## Brief
Your job is to set down the stretch of entries that opens with the line containing "#99=IFCINDEXEDPOLYGONALFACE((5,9,10,6));" and closes with the line containing "#105=IFCINDEXEDPOLYGONALFACE((17,21,22,18));". Keep both end lines, copy each exactly, and add nothing.

Dataset entries

-------------------------

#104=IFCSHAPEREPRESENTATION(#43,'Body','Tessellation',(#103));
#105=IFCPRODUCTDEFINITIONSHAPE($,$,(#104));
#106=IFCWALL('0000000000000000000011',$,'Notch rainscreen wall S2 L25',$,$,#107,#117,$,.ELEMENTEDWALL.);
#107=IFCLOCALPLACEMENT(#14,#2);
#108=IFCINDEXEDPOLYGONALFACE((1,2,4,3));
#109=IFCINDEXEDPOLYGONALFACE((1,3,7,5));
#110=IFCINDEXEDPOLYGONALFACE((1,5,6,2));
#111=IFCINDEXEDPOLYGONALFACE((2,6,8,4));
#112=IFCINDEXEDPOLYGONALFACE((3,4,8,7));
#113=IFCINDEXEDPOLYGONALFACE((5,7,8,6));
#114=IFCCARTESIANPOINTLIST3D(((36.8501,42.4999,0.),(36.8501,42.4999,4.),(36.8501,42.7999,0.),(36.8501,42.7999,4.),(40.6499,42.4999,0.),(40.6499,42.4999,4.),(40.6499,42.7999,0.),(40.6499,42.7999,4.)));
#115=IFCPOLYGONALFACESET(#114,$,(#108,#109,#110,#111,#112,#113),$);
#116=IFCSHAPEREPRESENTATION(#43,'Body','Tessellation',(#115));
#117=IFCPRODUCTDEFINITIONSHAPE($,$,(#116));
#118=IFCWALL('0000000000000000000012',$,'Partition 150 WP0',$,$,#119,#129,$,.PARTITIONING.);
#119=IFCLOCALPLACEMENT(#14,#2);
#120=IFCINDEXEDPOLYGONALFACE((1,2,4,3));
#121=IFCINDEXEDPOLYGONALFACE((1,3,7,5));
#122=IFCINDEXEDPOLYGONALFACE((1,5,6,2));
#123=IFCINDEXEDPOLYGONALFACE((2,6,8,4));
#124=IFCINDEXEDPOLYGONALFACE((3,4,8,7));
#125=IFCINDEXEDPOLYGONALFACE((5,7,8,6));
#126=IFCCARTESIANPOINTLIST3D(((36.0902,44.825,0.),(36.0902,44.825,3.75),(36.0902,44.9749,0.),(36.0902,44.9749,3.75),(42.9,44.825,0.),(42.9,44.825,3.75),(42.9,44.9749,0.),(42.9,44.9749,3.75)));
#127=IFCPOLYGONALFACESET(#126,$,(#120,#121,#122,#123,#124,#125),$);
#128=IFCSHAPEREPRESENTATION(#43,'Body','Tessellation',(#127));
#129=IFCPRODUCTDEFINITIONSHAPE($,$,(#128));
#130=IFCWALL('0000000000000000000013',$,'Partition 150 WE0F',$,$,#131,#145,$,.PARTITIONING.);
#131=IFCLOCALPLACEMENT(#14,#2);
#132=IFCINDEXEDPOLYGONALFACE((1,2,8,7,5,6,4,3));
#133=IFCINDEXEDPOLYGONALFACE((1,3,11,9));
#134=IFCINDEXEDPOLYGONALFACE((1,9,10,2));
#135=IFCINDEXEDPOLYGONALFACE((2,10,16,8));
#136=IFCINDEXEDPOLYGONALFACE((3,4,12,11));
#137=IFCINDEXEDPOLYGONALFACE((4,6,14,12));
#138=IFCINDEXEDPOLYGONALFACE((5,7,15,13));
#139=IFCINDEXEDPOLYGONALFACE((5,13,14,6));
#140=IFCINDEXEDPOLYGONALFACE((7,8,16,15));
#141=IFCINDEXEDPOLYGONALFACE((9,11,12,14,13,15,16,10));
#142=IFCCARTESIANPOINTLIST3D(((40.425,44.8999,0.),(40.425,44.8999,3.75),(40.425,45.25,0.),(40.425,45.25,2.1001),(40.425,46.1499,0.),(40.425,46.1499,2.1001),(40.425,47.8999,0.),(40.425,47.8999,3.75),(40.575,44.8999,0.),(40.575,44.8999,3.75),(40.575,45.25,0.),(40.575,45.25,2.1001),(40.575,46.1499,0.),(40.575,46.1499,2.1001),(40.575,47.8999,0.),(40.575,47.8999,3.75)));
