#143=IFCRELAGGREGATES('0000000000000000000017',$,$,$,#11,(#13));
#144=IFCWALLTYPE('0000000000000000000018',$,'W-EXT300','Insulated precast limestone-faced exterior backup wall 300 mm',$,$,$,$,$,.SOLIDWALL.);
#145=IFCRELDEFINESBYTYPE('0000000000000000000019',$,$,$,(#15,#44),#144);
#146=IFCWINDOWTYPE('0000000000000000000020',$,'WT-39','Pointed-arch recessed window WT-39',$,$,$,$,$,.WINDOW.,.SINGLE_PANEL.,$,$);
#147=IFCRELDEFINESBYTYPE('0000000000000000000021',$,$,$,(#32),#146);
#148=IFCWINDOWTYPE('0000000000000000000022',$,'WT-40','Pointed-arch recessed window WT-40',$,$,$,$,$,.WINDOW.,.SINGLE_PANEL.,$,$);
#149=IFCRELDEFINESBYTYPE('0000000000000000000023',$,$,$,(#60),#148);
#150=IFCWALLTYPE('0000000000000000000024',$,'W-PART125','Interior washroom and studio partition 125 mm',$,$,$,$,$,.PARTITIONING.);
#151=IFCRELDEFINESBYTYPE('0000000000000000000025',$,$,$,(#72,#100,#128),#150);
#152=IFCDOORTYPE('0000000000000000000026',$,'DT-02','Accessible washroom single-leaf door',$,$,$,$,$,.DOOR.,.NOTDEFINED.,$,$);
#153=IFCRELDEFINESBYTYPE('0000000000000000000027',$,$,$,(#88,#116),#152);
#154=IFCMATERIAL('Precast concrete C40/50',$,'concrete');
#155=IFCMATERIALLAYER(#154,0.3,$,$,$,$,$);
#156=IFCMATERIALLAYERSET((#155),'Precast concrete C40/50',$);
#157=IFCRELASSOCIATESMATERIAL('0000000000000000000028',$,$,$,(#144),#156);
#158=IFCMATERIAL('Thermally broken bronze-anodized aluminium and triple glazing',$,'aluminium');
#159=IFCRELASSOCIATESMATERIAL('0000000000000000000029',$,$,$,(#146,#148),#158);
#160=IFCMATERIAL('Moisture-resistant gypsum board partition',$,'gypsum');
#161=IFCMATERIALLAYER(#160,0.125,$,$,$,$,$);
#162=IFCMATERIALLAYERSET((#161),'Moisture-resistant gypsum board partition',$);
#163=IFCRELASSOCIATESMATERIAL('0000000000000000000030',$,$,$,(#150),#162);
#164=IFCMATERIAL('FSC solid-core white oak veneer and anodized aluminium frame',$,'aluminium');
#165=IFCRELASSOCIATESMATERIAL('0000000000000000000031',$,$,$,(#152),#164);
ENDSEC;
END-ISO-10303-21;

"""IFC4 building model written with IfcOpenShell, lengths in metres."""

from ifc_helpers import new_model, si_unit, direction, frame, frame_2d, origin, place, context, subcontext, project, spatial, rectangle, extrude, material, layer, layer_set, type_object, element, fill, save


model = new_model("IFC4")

-------------------------

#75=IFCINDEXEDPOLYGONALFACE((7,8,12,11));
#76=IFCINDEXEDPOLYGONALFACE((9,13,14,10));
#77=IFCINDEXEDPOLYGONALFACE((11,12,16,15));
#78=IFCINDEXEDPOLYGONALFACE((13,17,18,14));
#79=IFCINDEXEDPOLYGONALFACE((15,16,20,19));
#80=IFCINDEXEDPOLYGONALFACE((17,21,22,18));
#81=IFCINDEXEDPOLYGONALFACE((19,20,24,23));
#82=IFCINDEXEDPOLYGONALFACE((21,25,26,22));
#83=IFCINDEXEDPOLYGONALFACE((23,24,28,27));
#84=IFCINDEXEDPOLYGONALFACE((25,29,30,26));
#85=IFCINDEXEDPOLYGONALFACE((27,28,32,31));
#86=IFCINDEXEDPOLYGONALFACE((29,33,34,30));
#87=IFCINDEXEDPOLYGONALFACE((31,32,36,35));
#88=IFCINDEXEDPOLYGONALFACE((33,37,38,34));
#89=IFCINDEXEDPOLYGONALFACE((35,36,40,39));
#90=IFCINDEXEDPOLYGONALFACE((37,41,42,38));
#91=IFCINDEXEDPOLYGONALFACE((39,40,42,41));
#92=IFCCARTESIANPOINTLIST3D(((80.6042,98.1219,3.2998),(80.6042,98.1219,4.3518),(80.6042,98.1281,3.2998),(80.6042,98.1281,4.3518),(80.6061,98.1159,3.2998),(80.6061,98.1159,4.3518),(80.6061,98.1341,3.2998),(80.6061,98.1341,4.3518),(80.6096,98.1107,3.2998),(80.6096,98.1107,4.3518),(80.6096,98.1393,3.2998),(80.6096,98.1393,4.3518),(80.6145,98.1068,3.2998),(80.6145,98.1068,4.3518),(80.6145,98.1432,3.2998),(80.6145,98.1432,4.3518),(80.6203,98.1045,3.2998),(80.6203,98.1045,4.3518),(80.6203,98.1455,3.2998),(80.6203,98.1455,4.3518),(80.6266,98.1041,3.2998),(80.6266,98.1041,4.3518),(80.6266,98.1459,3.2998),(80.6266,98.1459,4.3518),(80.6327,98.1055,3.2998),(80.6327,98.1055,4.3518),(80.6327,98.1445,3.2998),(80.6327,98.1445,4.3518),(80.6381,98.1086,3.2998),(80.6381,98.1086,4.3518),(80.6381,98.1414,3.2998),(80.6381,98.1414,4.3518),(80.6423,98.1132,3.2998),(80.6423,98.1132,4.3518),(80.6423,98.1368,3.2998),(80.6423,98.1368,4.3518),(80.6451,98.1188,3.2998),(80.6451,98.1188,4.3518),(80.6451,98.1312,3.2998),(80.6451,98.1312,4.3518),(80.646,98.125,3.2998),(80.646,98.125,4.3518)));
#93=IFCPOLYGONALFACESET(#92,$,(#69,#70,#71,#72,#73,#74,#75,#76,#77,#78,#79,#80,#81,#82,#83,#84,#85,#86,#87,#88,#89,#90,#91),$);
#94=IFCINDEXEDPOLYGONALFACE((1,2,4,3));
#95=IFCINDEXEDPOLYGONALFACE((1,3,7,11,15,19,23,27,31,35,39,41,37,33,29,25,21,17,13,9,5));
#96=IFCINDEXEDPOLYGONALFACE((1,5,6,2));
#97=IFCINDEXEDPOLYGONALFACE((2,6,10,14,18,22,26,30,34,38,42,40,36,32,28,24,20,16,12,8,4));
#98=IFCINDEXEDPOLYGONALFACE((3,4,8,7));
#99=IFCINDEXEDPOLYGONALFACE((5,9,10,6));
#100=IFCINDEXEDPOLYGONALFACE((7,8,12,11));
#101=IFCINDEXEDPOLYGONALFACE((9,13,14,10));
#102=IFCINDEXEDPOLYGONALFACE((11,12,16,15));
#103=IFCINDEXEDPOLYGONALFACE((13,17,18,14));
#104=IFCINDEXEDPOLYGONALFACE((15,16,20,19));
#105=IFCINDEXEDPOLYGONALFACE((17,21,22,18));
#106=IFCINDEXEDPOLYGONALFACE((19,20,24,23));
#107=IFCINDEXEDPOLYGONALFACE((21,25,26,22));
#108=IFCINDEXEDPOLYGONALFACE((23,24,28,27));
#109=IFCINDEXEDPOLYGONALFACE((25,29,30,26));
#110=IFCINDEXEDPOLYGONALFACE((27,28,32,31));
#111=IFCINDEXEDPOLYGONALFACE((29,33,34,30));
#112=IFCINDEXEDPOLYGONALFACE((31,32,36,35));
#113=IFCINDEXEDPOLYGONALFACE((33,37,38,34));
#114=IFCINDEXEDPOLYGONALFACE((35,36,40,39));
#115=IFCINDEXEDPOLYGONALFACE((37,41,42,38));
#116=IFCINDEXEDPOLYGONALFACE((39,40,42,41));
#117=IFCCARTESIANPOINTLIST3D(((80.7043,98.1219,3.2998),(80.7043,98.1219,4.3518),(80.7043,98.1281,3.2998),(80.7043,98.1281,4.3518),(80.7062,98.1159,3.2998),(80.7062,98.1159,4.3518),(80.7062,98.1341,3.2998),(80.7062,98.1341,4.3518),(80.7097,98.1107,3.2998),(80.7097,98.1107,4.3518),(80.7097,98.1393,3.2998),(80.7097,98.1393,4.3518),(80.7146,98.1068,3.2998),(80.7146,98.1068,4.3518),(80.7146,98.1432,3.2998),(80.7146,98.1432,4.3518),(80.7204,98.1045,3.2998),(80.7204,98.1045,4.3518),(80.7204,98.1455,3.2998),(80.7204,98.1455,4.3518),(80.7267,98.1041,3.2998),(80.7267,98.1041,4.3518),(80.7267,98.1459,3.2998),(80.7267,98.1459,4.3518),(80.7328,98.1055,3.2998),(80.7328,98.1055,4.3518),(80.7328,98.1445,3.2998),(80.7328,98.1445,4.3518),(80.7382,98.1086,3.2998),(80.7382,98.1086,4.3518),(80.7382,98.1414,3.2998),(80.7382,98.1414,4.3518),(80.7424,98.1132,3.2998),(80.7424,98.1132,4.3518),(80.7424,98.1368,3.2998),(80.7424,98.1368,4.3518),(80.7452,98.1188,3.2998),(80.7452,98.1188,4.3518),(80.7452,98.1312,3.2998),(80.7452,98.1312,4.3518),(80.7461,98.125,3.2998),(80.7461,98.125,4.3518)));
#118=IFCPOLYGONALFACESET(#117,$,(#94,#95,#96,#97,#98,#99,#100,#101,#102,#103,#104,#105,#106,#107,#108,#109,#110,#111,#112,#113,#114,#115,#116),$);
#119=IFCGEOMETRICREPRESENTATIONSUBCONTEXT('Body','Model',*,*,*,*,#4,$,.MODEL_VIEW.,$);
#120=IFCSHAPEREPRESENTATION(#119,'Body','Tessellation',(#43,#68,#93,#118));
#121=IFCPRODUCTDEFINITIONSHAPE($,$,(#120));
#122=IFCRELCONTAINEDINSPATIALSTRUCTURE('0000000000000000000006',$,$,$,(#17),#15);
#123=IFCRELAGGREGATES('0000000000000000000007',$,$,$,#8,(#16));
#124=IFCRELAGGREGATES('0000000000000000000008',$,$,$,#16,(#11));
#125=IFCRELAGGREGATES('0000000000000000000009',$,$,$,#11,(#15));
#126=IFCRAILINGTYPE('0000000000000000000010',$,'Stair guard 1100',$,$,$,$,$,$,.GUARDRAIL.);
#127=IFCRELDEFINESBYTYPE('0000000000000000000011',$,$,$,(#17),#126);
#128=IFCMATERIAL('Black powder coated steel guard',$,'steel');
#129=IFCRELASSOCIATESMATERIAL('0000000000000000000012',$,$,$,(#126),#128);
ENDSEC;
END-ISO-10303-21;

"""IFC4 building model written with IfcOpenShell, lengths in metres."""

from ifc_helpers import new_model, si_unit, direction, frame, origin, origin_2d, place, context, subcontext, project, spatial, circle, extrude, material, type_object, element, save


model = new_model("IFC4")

-------------------------

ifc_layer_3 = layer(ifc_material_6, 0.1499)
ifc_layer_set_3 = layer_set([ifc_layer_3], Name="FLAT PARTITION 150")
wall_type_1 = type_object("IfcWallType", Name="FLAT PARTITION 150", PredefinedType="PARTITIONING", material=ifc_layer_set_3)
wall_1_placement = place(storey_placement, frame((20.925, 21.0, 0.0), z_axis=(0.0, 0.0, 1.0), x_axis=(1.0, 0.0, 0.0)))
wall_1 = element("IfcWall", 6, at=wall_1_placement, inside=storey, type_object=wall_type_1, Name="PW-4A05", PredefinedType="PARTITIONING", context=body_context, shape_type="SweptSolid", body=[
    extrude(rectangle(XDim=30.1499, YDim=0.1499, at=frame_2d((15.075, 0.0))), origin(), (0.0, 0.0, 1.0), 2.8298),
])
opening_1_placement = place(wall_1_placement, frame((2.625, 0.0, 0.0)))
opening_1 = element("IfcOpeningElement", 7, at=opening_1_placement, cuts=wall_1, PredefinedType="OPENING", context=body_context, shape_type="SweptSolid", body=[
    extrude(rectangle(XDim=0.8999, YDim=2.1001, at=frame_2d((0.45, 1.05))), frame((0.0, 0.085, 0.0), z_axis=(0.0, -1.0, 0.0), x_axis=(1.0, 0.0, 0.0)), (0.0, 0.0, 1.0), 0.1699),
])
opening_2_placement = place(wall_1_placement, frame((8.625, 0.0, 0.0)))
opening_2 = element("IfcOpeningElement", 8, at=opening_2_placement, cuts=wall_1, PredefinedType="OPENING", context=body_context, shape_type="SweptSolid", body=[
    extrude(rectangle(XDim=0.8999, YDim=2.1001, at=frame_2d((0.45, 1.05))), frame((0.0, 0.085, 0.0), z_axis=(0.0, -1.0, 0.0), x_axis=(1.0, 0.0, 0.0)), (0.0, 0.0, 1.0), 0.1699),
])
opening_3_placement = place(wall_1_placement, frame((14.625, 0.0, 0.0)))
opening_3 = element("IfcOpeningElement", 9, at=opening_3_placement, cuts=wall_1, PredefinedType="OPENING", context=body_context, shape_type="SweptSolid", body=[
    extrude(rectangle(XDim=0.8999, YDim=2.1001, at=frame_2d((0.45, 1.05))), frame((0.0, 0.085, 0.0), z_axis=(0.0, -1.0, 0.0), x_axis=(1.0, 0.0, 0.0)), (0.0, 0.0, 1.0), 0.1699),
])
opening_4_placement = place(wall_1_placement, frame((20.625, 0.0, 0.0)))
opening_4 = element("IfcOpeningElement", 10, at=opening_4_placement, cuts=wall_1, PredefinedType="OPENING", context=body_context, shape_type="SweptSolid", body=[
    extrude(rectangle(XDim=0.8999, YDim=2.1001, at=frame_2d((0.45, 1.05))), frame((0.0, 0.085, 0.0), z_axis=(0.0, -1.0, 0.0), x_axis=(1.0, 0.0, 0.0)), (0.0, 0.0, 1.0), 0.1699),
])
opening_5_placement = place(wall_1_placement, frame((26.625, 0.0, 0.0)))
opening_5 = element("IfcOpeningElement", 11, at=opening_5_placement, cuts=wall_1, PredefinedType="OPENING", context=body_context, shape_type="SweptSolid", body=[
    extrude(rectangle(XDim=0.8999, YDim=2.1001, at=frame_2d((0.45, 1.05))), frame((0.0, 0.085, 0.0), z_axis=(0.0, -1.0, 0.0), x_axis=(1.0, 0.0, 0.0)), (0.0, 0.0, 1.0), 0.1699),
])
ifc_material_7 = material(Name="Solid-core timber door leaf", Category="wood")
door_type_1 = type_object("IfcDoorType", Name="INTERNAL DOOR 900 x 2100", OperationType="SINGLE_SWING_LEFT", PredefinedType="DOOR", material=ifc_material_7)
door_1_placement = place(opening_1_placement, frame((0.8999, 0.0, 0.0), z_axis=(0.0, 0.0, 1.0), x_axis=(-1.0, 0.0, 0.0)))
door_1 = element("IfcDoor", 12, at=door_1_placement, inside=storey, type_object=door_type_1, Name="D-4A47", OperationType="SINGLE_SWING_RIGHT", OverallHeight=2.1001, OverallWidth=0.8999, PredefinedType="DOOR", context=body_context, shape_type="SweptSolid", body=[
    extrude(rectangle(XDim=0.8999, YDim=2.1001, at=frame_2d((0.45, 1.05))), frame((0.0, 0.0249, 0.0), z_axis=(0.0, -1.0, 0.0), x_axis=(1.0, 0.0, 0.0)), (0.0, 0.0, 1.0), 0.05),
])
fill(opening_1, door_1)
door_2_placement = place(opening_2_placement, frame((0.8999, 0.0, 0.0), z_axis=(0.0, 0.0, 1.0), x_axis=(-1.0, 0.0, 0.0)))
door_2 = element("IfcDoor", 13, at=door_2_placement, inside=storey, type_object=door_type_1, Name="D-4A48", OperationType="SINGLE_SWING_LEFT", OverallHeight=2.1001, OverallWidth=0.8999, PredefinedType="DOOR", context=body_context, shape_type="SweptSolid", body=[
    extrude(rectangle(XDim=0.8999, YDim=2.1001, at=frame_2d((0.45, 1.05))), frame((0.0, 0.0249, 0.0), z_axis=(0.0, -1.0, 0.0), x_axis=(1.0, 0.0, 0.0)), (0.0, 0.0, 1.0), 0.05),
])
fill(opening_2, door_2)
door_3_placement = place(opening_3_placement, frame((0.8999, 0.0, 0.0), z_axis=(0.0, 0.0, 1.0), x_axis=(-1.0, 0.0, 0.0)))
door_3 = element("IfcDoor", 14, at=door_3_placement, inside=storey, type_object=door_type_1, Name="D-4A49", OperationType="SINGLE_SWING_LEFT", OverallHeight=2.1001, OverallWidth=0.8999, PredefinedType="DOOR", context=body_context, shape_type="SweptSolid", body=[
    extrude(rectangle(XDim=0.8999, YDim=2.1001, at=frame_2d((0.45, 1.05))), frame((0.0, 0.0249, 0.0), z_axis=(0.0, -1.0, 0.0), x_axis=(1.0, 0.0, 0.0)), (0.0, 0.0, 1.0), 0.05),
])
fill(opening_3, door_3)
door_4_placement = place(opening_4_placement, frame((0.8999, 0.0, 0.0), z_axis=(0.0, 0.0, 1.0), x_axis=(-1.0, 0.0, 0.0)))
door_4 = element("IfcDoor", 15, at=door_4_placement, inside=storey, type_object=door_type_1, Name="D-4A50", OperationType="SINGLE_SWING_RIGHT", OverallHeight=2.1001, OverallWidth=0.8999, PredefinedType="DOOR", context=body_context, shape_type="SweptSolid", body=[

-------------------------

## Exercise output
#99=IFCINDEXEDPOLYGONALFACE((5,9,10,6));
#100=IFCINDEXEDPOLYGONALFACE((7,8,12,11));
#101=IFCINDEXEDPOLYGONALFACE((9,13,14,10));
#102=IFCINDEXEDPOLYGONALFACE((11,12,16,15));
#103=IFCINDEXEDPOLYGONALFACE((13,17,18,14));
#104=IFCINDEXEDPOLYGONALFACE((15,16,20,19));
#105=IFCINDEXEDPOLYGONALFACE((17,21,22,18));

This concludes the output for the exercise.